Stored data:
+++

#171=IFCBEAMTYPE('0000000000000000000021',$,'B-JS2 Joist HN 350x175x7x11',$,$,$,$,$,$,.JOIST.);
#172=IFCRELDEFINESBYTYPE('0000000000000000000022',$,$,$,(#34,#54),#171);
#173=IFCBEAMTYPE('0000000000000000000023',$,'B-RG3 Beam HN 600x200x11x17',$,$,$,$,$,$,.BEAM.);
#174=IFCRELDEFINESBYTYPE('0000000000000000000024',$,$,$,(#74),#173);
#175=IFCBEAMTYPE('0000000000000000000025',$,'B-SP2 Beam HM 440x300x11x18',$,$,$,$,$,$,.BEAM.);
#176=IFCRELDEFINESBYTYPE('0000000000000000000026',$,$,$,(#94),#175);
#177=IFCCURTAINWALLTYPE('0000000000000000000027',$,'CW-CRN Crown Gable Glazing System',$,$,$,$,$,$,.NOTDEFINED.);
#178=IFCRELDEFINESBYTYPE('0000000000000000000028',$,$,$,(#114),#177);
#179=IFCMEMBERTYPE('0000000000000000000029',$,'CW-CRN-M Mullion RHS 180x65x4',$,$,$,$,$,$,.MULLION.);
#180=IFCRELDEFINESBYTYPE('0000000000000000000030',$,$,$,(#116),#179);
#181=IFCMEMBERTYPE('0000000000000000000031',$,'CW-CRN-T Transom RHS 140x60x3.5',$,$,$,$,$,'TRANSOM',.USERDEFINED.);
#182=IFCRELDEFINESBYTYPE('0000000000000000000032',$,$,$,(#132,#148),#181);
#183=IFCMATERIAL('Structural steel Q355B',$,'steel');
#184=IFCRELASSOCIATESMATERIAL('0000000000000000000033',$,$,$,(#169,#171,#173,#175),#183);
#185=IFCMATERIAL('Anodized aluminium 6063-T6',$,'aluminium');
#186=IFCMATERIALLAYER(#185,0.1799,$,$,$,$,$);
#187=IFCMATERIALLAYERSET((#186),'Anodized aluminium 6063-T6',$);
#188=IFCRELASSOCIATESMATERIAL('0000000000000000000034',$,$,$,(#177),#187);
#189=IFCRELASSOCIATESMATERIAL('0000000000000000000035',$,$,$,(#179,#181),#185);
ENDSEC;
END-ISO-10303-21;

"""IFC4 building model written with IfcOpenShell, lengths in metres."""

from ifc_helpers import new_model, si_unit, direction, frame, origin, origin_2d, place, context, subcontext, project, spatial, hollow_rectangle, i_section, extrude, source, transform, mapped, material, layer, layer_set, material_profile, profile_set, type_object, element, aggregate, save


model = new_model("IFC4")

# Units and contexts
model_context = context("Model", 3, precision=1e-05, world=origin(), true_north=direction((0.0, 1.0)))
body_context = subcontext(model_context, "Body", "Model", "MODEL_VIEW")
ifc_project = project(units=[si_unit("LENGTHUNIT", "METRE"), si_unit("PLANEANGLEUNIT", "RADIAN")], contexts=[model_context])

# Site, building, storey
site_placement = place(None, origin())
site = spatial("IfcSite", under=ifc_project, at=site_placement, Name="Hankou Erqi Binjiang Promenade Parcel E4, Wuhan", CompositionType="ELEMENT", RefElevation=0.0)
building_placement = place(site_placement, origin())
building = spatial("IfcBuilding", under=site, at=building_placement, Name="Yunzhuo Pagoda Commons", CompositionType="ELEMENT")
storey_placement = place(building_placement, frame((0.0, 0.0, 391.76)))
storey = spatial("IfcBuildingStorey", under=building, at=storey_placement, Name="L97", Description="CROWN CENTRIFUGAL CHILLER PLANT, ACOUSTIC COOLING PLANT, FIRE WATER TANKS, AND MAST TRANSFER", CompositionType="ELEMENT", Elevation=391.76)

+++

--- Exercise description ---
Pull out the lines above in which the word "Anodized" appears.

--- Answer to this task ---
#185=IFCMATERIAL('Anodized aluminium 6063-T6',$,'aluminium');
#187=IFCMATERIALLAYERSET((#186),'Anodized aluminium 6063-T6',$);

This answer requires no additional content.